Exercise instructions ▸ From the entries below, copy out all lines holding "IFCRELDEFINESBYTYPE".

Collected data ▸
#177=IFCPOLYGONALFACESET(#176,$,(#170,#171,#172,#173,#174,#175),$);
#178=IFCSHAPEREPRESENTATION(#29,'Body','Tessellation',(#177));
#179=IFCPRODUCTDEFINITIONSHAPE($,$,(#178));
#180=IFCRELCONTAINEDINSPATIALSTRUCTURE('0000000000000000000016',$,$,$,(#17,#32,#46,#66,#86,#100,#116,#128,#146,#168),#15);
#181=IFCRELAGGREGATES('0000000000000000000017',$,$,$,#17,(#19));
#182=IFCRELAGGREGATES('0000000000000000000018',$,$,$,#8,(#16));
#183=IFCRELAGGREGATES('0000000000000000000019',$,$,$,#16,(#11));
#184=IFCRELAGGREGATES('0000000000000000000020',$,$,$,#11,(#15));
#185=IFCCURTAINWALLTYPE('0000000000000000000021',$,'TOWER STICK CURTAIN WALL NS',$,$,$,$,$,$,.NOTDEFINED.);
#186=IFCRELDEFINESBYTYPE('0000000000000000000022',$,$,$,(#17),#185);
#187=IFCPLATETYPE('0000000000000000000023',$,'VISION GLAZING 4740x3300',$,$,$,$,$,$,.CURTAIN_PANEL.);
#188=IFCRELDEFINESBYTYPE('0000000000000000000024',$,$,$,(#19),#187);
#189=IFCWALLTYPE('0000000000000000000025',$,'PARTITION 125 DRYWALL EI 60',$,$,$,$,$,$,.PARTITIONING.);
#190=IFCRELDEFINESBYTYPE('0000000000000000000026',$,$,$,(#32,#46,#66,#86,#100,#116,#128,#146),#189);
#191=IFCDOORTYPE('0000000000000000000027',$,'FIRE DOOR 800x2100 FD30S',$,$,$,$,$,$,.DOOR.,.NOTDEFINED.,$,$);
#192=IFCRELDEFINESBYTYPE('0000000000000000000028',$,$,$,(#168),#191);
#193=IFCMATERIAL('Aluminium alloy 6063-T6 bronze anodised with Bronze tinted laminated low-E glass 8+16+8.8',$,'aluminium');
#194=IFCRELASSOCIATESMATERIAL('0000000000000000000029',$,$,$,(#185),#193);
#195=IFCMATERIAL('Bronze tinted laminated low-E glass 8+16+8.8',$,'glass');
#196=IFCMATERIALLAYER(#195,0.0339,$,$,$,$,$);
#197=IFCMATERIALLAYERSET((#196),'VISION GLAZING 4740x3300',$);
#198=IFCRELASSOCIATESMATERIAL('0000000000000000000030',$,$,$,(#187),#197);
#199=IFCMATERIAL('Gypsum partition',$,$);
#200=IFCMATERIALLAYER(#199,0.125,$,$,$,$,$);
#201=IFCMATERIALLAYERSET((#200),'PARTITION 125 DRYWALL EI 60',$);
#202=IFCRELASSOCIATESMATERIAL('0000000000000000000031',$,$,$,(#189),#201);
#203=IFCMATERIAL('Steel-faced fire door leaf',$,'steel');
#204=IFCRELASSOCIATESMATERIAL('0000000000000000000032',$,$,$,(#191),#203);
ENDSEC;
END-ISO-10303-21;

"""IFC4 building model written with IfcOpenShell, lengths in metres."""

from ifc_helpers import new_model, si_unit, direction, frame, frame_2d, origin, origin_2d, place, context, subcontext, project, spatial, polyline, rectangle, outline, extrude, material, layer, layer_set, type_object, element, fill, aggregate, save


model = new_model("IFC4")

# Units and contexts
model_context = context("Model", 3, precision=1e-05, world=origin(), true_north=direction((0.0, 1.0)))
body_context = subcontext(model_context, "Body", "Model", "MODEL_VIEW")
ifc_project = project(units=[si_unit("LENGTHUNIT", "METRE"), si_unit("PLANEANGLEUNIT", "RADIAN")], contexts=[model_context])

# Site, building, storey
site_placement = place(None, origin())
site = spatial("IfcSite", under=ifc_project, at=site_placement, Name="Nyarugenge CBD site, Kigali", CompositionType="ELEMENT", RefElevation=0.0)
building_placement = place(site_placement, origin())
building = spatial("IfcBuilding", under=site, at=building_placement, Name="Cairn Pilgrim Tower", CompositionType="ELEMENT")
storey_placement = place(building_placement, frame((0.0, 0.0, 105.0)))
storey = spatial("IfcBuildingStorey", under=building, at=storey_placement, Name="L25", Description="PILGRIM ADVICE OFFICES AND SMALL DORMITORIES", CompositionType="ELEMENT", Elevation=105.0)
==
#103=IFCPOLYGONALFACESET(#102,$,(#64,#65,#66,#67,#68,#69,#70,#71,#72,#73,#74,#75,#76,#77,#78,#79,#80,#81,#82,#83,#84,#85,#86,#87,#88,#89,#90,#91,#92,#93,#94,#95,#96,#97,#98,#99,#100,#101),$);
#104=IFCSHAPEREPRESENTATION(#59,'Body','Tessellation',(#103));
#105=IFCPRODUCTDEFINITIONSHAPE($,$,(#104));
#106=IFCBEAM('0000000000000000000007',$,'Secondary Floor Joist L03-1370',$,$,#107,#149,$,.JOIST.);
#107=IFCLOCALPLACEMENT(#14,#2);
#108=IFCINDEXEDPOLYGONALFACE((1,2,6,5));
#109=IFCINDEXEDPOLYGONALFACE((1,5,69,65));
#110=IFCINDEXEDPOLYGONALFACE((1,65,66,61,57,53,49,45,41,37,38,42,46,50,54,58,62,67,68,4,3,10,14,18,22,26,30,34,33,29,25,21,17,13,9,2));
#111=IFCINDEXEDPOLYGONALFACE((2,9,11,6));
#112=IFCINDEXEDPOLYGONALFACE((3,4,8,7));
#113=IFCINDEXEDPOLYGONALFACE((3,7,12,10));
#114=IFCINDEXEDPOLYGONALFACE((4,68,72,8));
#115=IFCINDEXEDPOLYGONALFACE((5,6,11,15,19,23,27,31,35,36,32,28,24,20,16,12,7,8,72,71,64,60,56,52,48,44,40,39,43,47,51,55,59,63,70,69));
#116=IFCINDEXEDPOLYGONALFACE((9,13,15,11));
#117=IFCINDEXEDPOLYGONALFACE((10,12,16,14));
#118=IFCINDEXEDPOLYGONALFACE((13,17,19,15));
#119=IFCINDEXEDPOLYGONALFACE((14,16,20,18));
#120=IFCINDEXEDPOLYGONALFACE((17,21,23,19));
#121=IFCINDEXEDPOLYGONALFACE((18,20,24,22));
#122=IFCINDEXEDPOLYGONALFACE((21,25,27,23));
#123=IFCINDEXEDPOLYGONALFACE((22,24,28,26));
--
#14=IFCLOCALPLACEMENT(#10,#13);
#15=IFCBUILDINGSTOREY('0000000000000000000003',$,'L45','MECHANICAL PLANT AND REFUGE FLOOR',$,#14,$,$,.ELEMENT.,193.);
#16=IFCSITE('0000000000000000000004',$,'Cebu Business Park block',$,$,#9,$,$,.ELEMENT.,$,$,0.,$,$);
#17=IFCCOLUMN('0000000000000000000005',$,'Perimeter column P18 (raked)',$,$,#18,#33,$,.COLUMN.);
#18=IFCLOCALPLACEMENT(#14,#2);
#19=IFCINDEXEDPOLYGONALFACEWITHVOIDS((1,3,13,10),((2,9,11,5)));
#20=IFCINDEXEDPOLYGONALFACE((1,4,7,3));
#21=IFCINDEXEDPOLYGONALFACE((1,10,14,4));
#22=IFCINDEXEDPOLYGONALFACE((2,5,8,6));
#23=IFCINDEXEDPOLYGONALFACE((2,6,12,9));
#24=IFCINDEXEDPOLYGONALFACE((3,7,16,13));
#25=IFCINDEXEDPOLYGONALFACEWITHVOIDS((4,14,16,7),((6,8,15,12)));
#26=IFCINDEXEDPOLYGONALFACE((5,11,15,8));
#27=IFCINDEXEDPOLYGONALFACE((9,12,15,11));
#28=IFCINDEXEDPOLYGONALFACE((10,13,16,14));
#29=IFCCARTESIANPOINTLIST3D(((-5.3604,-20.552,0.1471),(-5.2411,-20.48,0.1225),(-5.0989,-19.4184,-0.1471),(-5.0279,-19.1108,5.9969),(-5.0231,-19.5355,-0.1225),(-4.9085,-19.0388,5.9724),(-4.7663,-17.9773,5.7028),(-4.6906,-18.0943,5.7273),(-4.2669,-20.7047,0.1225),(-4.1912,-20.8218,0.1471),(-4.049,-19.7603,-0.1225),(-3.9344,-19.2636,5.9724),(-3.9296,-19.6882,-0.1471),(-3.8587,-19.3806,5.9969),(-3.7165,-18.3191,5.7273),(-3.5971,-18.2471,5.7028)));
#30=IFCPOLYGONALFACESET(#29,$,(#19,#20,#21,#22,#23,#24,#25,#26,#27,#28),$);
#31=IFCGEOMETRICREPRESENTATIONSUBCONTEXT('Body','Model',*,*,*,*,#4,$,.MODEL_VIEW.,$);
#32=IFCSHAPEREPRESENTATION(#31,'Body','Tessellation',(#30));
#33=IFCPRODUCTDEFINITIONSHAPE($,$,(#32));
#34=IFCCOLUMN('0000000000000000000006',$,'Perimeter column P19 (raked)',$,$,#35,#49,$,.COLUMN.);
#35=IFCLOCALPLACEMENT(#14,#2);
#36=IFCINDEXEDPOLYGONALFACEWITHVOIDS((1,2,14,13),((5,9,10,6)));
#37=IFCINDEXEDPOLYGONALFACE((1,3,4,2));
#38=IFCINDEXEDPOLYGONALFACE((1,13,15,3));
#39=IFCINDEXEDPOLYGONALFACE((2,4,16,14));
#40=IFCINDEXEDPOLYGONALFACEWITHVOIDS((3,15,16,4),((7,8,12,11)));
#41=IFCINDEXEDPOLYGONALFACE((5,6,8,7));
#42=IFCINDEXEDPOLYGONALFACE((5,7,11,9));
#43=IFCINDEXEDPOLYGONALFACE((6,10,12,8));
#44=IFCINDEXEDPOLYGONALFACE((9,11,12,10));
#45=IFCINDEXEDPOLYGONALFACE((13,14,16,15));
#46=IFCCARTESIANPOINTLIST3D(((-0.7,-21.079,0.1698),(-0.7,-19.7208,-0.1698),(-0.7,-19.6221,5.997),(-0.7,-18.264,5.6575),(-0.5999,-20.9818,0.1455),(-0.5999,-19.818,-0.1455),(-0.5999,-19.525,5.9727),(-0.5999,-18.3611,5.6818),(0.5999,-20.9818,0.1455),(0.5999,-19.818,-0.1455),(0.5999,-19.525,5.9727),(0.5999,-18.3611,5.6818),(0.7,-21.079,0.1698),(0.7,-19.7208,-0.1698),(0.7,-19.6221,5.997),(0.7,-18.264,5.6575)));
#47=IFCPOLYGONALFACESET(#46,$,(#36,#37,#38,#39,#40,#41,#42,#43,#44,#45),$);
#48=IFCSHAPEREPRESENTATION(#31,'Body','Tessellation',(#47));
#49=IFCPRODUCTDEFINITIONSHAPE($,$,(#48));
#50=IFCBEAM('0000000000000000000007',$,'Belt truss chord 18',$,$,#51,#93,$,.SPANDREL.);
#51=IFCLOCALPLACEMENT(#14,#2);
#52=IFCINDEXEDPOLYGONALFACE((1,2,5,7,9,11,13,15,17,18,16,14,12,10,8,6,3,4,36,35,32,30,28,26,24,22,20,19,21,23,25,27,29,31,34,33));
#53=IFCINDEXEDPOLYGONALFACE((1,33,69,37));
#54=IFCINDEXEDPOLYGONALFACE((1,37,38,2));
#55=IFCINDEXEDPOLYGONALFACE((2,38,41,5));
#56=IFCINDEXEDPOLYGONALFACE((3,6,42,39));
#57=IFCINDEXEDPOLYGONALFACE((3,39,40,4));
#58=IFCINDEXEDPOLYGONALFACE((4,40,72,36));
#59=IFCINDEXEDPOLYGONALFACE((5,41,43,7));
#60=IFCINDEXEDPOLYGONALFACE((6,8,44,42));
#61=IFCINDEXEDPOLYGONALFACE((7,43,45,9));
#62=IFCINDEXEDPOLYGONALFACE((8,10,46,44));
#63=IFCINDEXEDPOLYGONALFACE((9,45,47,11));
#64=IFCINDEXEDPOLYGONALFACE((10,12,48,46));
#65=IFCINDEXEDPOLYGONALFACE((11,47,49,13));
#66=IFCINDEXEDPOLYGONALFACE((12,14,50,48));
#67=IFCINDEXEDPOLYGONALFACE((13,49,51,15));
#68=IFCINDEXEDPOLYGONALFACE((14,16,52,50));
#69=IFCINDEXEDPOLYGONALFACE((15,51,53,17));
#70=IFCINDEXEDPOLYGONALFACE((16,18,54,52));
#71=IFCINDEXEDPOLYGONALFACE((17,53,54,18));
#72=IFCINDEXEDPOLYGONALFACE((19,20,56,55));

Your solution ▸
#186=IFCRELDEFINESBYTYPE('0000000000000000000022',$,$,$,(#17),#185);
#188=IFCRELDEFINESBYTYPE('0000000000000000000024',$,$,$,(#19),#187);
#190=IFCRELDEFINESBYTYPE('0000000000000000000026',$,$,$,(#32,#46,#66,#86,#100,#116,#128,#146),#189);
#192=IFCRELDEFINESBYTYPE('0000000000000000000028',$,$,$,(#168),#191);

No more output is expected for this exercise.